Task statement — What lines in the data below mention the string "concrete"? Copy them out.

═══ The data ═══

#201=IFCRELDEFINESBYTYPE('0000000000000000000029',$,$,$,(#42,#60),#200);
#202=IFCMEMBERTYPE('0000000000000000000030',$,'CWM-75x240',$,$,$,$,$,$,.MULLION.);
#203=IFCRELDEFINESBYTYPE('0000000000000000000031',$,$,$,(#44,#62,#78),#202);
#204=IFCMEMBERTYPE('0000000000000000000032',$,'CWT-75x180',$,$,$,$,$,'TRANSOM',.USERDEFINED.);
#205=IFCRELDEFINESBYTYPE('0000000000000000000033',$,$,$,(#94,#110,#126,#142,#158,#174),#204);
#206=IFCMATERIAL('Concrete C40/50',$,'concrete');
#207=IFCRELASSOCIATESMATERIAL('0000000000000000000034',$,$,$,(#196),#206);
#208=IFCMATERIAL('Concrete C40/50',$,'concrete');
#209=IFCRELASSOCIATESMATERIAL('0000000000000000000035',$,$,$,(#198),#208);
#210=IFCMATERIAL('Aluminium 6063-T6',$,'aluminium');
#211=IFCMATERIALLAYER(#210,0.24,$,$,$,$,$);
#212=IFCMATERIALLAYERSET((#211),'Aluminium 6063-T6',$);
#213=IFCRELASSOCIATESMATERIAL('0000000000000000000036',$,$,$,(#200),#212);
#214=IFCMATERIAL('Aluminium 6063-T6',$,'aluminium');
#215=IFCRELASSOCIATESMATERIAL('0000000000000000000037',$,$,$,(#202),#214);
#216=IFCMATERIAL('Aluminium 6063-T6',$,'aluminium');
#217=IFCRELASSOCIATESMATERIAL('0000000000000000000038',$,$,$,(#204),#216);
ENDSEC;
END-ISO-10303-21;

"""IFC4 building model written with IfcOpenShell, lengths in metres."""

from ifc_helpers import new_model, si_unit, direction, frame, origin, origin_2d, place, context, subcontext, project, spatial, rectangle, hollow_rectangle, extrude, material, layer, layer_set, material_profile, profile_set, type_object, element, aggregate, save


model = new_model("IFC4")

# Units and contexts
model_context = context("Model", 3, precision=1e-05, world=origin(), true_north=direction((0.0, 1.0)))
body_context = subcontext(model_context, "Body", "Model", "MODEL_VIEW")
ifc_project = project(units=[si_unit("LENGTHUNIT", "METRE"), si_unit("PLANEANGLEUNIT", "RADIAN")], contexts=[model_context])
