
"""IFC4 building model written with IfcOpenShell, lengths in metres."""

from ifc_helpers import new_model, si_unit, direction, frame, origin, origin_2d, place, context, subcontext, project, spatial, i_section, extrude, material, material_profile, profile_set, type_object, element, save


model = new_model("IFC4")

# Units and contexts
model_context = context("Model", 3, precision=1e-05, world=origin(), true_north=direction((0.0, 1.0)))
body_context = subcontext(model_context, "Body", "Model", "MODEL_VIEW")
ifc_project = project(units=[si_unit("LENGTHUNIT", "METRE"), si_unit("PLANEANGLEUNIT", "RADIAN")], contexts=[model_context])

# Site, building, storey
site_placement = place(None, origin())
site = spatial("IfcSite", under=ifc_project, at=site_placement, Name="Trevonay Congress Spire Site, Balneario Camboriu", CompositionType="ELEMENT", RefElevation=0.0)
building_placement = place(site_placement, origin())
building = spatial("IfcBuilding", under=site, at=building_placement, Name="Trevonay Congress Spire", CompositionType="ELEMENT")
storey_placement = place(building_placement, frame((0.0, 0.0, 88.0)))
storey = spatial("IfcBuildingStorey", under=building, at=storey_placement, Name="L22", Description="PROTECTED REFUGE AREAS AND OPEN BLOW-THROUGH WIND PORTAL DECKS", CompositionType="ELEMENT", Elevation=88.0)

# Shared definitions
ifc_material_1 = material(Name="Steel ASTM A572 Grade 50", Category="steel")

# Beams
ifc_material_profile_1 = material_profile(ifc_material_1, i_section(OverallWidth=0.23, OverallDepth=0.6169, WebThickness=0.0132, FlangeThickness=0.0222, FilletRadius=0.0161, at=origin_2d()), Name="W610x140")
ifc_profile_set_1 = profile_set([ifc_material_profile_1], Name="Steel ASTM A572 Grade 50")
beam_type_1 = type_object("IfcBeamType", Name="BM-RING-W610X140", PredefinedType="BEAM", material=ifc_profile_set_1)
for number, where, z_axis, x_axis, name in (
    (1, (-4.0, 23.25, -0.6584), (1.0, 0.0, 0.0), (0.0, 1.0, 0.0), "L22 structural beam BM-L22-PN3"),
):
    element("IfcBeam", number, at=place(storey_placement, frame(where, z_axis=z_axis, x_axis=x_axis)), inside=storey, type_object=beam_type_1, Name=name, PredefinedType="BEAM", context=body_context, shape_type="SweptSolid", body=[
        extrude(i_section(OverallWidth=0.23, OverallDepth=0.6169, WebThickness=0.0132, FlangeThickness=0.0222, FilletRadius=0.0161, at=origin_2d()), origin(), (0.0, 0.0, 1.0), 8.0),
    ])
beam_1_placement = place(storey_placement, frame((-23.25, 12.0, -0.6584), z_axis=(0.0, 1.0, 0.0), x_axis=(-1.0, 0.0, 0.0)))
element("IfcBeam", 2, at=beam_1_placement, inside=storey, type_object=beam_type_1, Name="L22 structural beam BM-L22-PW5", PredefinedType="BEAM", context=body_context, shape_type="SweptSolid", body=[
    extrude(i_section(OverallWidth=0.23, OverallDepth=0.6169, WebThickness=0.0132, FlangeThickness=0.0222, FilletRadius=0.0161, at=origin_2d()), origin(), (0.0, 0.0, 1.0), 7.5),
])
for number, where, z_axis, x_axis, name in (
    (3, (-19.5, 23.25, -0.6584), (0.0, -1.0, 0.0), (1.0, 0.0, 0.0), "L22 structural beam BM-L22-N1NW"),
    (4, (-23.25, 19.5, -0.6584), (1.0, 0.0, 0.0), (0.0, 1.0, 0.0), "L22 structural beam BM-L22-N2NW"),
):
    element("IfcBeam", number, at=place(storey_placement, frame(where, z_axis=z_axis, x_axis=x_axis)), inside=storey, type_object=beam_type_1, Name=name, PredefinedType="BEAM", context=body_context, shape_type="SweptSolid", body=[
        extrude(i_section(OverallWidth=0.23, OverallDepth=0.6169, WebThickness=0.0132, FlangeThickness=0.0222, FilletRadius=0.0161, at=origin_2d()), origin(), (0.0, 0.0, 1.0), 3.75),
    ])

═══

Reply to the exercise —
#206=IFCMATERIAL('Concrete C40/50',$,'concrete');
#208=IFCMATERIAL('Concrete C40/50',$,'concrete');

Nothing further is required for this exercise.